• **WORK TO BE COMPLETED**:
How many of the lines below hold the string "IFCLOCALPLACEMENT"? Say only the number.

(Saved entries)
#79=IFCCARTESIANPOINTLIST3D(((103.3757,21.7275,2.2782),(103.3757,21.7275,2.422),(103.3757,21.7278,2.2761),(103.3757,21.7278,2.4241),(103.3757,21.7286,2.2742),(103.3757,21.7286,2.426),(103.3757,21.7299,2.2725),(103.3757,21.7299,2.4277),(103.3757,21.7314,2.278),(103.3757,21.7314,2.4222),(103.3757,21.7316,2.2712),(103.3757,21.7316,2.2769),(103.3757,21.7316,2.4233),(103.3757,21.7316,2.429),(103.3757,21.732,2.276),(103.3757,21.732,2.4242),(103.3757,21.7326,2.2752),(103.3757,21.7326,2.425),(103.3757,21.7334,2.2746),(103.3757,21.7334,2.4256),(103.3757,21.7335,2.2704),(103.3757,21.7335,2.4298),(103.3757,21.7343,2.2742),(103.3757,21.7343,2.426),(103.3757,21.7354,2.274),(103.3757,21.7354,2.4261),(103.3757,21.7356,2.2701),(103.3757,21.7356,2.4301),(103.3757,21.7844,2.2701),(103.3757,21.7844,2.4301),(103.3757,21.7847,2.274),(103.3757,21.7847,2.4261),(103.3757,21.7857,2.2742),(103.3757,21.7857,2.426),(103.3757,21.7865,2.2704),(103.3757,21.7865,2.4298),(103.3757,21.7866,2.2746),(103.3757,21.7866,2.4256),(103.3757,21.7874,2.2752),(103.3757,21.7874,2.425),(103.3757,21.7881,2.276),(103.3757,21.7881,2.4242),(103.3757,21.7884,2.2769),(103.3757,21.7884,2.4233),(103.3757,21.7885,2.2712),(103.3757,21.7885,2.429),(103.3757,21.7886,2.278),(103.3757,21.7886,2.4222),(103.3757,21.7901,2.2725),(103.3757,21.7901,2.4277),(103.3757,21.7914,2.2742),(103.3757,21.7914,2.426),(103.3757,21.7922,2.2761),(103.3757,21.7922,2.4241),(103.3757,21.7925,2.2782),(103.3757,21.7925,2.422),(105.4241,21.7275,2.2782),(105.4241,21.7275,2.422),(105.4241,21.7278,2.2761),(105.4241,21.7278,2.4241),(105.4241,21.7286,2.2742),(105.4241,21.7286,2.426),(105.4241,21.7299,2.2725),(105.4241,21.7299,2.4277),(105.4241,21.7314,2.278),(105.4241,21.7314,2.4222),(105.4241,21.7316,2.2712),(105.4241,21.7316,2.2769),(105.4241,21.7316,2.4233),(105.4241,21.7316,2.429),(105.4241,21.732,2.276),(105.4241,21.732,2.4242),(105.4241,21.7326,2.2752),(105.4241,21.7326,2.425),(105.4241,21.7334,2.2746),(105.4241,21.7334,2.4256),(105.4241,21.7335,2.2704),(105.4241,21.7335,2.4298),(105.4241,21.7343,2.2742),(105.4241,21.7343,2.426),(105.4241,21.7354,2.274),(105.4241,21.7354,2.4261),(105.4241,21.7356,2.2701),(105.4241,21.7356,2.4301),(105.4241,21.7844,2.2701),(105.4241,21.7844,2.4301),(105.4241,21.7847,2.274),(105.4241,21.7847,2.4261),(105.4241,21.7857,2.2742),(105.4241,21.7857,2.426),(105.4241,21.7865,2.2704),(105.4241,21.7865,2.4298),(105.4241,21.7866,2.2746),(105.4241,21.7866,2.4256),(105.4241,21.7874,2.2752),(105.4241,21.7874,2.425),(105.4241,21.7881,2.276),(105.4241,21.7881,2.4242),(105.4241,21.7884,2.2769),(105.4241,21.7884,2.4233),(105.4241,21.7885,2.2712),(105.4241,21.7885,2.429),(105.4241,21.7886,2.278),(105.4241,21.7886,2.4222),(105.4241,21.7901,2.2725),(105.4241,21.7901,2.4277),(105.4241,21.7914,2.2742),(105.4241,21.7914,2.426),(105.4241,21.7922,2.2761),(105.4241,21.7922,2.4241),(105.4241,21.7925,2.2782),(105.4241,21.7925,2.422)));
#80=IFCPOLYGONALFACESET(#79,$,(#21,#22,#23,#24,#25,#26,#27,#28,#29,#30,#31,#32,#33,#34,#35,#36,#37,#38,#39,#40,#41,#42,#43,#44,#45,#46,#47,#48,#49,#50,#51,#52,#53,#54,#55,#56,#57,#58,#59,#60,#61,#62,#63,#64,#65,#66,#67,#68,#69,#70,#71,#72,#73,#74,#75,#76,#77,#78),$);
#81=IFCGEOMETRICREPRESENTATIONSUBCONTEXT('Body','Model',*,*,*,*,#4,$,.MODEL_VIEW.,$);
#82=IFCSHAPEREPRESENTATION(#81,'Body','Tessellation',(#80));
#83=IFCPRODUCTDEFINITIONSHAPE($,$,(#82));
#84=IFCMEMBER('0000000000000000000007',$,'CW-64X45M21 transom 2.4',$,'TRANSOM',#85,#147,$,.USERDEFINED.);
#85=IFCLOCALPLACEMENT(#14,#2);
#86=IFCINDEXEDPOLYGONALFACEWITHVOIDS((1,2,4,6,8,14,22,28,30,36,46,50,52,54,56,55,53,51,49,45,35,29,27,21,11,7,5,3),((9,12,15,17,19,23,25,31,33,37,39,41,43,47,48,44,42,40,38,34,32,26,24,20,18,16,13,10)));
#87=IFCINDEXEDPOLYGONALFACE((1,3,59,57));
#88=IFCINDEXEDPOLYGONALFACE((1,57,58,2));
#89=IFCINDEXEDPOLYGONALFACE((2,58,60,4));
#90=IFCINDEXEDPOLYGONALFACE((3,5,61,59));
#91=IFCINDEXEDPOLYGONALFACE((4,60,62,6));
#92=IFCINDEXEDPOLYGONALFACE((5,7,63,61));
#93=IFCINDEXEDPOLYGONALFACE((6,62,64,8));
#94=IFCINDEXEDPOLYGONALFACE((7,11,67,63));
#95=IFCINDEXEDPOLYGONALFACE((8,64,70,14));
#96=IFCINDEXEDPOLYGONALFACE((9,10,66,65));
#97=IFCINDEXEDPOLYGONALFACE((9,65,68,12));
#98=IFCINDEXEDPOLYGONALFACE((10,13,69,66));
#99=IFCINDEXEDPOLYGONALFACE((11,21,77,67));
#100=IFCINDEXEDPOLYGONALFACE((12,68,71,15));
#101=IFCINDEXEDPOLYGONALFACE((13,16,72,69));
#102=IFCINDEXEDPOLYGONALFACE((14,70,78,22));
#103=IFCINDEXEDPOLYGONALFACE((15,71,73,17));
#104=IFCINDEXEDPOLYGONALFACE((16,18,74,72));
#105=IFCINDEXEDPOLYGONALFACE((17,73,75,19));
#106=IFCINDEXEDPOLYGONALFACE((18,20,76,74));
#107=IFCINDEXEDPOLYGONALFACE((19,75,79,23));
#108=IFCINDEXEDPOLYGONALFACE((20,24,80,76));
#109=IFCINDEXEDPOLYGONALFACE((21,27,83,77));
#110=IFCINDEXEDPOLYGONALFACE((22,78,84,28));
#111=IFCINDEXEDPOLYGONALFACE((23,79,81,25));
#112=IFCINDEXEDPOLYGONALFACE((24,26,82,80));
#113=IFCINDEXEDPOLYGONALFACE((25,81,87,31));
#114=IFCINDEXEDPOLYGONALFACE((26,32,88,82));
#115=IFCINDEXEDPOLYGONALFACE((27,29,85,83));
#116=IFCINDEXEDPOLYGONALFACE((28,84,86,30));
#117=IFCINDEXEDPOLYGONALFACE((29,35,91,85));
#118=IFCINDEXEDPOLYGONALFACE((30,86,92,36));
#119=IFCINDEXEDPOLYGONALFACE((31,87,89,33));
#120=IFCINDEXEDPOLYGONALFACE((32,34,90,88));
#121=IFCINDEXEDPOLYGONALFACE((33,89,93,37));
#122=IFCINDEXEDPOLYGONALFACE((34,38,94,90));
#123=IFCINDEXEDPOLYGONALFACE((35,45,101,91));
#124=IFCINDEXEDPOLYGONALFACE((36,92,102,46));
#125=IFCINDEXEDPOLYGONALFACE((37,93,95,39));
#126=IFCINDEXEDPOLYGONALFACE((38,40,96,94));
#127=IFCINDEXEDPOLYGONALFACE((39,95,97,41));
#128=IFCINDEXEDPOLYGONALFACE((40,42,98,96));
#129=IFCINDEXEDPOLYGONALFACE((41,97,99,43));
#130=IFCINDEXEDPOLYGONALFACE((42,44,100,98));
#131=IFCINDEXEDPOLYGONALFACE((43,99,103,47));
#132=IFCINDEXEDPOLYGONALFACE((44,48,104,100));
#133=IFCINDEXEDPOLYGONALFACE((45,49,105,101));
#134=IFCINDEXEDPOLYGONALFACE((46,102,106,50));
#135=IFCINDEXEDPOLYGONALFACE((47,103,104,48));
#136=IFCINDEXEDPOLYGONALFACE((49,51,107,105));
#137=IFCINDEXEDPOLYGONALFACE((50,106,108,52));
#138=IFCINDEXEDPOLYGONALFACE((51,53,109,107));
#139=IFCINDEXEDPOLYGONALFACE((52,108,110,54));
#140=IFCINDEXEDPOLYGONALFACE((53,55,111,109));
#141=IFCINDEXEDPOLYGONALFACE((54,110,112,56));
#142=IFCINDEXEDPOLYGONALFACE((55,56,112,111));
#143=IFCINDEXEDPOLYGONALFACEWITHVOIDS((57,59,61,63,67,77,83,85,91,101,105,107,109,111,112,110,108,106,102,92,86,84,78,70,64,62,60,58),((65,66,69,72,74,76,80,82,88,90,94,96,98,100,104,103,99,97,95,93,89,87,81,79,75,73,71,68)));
--
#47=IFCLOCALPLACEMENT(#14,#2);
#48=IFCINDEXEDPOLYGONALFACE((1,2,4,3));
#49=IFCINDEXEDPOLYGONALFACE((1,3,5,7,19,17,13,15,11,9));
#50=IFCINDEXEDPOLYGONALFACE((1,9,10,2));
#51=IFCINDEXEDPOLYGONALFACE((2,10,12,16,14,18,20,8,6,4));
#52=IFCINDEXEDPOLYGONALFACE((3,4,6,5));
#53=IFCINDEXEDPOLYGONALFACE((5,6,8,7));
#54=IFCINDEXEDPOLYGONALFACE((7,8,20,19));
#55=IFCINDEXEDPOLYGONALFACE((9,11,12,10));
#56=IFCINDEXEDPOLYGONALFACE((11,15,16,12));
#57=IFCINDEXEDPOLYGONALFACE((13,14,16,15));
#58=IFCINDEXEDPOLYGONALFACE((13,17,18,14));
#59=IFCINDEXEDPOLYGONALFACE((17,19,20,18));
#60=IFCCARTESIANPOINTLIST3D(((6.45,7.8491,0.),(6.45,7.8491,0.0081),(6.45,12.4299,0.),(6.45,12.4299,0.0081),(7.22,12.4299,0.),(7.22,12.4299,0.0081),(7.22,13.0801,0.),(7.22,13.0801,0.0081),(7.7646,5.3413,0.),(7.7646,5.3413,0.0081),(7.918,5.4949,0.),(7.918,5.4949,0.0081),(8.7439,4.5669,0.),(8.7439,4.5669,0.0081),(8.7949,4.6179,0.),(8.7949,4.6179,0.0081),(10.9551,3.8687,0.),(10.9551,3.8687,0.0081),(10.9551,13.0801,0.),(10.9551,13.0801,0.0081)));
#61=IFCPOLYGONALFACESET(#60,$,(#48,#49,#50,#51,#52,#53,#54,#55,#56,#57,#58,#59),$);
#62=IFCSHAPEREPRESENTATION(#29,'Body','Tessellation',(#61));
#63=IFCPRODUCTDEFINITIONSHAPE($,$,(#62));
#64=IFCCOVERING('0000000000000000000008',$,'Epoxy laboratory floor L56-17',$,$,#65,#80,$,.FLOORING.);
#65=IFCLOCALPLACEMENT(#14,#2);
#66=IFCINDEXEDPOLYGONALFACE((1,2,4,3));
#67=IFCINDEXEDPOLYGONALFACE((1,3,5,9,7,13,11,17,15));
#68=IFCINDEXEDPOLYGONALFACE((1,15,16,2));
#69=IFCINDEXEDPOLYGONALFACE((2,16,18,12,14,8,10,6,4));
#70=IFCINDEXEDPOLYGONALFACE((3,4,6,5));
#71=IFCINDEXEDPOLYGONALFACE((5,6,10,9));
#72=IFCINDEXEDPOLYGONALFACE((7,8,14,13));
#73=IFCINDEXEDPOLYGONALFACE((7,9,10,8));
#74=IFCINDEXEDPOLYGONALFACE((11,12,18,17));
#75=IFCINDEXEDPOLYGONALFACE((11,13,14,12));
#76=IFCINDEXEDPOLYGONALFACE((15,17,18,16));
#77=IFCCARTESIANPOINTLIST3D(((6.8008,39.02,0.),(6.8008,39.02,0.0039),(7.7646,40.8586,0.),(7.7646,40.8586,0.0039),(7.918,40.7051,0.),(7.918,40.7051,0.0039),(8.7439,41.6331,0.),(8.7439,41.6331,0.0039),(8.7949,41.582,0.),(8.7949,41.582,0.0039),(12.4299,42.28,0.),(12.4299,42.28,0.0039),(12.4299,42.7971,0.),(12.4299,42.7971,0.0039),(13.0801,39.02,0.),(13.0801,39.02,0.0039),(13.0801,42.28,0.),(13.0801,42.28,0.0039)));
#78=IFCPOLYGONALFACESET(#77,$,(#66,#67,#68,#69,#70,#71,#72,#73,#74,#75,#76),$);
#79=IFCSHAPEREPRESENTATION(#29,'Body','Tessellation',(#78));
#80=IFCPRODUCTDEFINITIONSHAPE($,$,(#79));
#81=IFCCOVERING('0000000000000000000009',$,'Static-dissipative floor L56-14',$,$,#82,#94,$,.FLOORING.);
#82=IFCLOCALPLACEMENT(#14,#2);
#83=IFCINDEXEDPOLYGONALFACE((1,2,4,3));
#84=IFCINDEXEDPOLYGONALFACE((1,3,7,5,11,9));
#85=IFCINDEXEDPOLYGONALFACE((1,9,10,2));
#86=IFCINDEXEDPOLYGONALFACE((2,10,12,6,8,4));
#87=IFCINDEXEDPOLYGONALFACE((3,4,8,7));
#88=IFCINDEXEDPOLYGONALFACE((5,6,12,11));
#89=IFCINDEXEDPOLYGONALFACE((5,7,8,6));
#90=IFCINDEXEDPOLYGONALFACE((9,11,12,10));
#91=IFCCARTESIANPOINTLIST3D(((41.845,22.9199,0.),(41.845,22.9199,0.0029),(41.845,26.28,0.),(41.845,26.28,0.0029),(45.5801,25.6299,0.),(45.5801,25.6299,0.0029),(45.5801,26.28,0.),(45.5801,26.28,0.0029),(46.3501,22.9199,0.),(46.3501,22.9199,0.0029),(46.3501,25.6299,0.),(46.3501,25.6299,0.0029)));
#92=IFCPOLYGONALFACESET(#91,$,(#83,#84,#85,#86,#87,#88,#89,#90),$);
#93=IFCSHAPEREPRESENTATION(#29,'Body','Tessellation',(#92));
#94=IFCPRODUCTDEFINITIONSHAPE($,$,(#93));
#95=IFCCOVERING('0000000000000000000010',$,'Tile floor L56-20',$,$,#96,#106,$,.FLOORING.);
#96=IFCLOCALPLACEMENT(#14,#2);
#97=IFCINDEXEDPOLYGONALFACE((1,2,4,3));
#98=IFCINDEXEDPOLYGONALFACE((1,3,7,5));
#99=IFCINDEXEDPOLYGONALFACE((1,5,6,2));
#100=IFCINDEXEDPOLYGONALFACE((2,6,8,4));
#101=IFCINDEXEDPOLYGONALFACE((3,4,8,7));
...
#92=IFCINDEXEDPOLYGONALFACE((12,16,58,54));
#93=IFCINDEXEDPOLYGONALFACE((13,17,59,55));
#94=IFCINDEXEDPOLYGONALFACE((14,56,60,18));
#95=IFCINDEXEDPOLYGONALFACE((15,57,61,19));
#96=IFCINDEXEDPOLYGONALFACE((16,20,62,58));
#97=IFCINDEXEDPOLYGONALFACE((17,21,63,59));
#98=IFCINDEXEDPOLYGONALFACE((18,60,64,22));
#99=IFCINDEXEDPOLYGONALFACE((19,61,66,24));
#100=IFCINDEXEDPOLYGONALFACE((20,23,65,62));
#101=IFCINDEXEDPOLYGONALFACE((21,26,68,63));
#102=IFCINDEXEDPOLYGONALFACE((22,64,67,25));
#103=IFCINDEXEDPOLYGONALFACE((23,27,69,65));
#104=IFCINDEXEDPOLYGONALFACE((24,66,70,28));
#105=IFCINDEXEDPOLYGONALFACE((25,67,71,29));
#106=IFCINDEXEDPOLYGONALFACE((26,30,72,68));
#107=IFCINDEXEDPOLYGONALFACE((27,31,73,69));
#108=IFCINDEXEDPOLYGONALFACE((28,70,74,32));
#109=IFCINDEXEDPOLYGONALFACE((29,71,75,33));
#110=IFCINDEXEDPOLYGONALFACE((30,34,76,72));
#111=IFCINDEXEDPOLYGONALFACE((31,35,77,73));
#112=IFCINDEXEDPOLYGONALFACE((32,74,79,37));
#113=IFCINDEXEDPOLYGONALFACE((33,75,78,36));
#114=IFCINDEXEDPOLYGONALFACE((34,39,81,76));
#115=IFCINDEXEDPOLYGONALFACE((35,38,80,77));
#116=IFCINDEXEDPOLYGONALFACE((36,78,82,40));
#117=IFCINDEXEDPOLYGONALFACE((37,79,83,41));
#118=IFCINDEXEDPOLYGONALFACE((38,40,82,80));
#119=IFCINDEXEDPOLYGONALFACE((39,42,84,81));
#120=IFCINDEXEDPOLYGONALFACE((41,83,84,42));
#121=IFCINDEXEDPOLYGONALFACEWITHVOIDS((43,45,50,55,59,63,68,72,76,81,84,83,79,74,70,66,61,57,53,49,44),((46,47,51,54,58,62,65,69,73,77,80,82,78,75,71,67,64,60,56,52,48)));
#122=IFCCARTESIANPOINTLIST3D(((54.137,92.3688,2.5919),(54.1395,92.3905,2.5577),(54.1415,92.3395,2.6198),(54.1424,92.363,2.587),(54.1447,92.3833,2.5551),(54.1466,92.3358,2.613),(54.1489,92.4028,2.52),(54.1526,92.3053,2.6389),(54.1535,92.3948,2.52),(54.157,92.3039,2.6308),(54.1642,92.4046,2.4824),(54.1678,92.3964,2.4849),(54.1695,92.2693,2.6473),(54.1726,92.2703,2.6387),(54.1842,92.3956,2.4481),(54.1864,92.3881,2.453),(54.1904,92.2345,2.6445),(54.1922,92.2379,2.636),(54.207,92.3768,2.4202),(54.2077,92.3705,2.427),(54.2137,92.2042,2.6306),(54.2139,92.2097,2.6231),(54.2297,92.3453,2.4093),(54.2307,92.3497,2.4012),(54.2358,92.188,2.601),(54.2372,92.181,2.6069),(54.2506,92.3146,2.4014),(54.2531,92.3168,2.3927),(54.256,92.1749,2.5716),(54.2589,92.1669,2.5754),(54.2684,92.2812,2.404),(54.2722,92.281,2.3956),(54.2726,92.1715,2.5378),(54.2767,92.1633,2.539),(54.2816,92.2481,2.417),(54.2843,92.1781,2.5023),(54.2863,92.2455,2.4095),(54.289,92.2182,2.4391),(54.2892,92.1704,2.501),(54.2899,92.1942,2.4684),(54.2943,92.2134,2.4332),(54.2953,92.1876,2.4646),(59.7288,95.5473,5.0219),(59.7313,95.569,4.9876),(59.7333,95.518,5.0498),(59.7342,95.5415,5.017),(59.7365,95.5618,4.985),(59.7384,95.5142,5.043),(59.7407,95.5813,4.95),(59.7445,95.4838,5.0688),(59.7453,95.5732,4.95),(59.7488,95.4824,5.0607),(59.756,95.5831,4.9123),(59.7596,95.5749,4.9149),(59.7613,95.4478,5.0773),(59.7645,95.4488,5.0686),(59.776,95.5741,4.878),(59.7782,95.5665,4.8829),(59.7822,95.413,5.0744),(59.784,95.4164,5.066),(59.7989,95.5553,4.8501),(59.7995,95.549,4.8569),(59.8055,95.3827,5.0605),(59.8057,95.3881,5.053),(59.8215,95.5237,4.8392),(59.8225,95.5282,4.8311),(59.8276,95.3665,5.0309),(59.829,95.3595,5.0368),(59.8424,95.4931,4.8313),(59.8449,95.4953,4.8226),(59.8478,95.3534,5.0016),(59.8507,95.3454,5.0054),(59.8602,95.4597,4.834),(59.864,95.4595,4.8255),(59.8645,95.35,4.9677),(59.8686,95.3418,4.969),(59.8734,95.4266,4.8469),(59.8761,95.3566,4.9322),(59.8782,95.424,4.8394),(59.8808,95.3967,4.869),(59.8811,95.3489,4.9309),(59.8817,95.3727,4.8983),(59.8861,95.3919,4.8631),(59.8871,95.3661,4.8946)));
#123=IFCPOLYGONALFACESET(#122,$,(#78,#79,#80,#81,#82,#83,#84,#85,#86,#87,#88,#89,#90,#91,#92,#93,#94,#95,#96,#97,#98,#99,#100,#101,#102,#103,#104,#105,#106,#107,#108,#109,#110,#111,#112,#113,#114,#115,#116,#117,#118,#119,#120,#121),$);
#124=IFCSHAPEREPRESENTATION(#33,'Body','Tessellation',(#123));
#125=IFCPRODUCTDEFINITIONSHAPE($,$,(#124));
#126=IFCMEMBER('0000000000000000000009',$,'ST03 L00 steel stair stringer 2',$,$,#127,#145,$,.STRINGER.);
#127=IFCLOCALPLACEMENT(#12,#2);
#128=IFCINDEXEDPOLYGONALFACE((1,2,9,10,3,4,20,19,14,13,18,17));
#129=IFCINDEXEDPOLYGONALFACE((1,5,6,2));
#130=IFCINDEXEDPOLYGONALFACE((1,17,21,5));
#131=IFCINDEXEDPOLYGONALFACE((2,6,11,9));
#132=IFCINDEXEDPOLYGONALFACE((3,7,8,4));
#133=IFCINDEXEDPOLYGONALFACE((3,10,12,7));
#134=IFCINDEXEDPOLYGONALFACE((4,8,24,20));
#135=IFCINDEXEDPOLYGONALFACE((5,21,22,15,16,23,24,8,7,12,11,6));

• **RESULT**:
6